◆ Aim of the exercise ◆
Restate word for word the lines in the listing below, starting at the line containing "#64=IFCINDEXEDPOLYGONALFACE((3,7,8,4));" and ending at the line containing "#68=IFCSHAPEREPRESENTATION(#29,'Body','Tessellation',(#67));", both included; leave out the rest.

===== Materials provided

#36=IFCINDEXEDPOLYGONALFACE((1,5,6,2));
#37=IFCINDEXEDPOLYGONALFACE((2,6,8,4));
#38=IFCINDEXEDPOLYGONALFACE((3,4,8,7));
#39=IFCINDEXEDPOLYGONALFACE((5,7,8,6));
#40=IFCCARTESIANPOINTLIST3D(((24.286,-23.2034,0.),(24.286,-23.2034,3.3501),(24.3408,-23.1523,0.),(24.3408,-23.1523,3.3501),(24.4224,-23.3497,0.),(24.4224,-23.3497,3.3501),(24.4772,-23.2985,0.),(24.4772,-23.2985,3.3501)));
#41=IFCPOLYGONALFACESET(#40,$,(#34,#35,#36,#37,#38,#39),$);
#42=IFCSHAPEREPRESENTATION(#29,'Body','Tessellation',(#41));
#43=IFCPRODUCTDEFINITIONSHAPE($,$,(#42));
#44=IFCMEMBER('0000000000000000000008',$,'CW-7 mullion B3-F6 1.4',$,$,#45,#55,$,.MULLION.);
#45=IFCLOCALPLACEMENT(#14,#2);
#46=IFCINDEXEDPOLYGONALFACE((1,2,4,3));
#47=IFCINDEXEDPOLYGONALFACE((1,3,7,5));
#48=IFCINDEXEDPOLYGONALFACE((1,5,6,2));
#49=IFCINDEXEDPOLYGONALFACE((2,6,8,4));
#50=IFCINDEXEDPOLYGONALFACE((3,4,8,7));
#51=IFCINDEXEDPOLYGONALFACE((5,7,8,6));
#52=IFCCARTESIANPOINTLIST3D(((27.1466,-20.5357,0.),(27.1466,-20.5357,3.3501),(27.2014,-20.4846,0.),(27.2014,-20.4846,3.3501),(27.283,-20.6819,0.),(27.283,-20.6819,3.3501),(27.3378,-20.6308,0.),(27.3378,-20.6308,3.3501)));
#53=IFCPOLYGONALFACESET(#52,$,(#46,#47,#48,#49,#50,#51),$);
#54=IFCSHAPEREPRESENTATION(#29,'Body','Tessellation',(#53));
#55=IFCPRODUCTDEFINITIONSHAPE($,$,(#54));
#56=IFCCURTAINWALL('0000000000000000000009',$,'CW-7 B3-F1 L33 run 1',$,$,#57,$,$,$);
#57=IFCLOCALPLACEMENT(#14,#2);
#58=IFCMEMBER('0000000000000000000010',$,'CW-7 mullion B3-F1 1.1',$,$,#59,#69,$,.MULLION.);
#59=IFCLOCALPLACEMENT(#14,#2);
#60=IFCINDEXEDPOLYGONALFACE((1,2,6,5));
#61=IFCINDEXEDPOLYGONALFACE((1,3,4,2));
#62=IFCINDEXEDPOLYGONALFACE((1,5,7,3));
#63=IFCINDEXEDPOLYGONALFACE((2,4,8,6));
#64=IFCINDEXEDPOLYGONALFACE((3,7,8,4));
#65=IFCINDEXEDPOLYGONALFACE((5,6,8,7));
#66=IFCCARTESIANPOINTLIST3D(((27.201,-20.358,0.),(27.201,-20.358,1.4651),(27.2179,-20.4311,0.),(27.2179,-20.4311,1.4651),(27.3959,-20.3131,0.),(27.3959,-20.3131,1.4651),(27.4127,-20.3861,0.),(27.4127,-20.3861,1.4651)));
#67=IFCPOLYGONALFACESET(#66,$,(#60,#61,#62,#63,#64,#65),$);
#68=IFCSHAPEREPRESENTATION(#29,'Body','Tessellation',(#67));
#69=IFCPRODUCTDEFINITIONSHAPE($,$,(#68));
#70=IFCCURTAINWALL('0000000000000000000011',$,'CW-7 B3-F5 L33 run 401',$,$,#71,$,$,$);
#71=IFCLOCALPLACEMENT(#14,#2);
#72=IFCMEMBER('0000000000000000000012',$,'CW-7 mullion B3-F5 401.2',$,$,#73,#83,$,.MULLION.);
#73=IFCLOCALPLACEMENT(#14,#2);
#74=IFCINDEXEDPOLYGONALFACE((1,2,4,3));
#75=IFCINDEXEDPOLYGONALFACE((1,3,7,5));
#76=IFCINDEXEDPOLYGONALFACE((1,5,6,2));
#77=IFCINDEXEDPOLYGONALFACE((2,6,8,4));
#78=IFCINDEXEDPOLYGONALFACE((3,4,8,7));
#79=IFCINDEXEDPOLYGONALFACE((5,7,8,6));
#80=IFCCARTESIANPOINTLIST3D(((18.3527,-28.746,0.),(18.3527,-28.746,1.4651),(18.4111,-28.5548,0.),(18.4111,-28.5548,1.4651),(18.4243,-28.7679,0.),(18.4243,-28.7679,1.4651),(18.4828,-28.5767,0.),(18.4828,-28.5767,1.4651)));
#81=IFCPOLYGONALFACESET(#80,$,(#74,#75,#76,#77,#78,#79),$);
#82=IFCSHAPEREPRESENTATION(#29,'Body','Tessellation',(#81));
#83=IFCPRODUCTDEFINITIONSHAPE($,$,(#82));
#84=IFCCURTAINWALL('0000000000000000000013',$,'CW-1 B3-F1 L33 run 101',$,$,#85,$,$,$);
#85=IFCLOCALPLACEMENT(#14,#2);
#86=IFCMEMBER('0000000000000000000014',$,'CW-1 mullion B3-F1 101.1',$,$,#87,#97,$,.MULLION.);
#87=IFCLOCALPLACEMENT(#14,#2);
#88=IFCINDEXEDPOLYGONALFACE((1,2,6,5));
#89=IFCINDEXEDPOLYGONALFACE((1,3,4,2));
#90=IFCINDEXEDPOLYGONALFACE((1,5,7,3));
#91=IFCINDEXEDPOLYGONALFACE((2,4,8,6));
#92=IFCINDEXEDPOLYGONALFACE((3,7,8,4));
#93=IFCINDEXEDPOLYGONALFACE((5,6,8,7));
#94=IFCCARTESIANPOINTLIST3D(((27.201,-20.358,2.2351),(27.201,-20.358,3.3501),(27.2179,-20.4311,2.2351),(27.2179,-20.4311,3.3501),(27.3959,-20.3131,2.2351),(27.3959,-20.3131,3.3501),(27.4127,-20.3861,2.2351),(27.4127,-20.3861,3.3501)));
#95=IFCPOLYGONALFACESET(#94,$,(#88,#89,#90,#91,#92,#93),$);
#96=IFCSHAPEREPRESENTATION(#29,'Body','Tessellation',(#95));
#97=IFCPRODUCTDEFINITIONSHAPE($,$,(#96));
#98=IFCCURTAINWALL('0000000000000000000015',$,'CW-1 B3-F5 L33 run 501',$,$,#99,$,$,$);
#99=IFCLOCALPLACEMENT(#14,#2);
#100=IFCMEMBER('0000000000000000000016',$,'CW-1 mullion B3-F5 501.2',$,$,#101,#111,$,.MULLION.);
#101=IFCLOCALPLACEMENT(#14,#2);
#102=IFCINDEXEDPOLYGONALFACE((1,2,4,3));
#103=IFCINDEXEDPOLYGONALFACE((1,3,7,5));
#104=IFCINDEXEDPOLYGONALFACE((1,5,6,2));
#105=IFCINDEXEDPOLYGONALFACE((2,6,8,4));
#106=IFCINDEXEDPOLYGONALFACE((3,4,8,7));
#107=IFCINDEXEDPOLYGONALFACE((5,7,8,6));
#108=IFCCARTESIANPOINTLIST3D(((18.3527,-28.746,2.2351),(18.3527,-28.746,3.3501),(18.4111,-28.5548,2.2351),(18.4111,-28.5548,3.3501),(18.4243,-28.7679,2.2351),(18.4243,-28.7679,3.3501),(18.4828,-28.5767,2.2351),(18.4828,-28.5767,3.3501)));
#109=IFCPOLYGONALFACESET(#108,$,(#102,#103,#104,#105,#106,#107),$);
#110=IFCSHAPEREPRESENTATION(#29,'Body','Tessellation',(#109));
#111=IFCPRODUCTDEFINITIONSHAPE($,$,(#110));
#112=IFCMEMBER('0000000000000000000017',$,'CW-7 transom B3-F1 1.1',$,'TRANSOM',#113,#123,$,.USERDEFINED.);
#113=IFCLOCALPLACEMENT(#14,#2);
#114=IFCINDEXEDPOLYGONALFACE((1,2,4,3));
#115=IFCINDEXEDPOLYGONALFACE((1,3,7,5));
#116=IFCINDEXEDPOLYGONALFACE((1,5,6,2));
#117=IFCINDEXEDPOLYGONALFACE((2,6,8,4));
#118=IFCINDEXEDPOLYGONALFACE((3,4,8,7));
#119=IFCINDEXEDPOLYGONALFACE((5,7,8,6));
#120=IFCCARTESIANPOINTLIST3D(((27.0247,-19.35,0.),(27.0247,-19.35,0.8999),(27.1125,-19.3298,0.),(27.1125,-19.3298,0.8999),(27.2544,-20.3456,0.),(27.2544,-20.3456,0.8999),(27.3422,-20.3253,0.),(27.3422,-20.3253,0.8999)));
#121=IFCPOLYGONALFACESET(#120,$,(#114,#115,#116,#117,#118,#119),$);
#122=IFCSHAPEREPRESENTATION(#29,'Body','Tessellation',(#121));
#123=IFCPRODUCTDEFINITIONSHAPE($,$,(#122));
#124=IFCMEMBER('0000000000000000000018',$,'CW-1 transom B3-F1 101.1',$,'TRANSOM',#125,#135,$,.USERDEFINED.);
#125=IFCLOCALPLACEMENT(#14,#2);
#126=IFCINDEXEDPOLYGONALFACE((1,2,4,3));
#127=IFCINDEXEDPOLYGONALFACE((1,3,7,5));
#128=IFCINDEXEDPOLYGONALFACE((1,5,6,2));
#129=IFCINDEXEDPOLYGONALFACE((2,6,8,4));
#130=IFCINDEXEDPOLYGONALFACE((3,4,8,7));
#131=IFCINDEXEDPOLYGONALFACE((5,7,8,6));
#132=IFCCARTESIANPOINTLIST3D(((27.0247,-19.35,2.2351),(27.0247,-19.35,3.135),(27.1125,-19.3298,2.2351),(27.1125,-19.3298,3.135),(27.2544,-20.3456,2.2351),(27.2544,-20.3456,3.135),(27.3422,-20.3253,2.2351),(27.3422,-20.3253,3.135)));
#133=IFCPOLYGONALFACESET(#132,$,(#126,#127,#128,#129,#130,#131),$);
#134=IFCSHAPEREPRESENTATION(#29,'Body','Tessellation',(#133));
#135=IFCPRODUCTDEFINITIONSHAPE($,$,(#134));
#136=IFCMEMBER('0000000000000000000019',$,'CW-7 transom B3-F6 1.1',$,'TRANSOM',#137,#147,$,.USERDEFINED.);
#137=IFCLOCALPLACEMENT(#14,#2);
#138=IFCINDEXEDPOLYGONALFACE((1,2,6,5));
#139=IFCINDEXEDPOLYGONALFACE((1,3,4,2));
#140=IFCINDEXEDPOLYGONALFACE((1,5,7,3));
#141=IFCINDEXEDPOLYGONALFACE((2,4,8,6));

==========

◆ Reply to the task ◆
#64=IFCINDEXEDPOLYGONALFACE((3,7,8,4));
#65=IFCINDEXEDPOLYGONALFACE((5,6,8,7));
#66=IFCCARTESIANPOINTLIST3D(((27.201,-20.358,0.),(27.201,-20.358,1.4651),(27.2179,-20.4311,0.),(27.2179,-20.4311,1.4651),(27.3959,-20.3131,0.),(27.3959,-20.3131,1.4651),(27.4127,-20.3861,0.),(27.4127,-20.3861,1.4651)));
#67=IFCPOLYGONALFACESET(#66,$,(#60,#61,#62,#63,#64,#65),$);
#68=IFCSHAPEREPRESENTATION(#29,'Body','Tessellation',(#67));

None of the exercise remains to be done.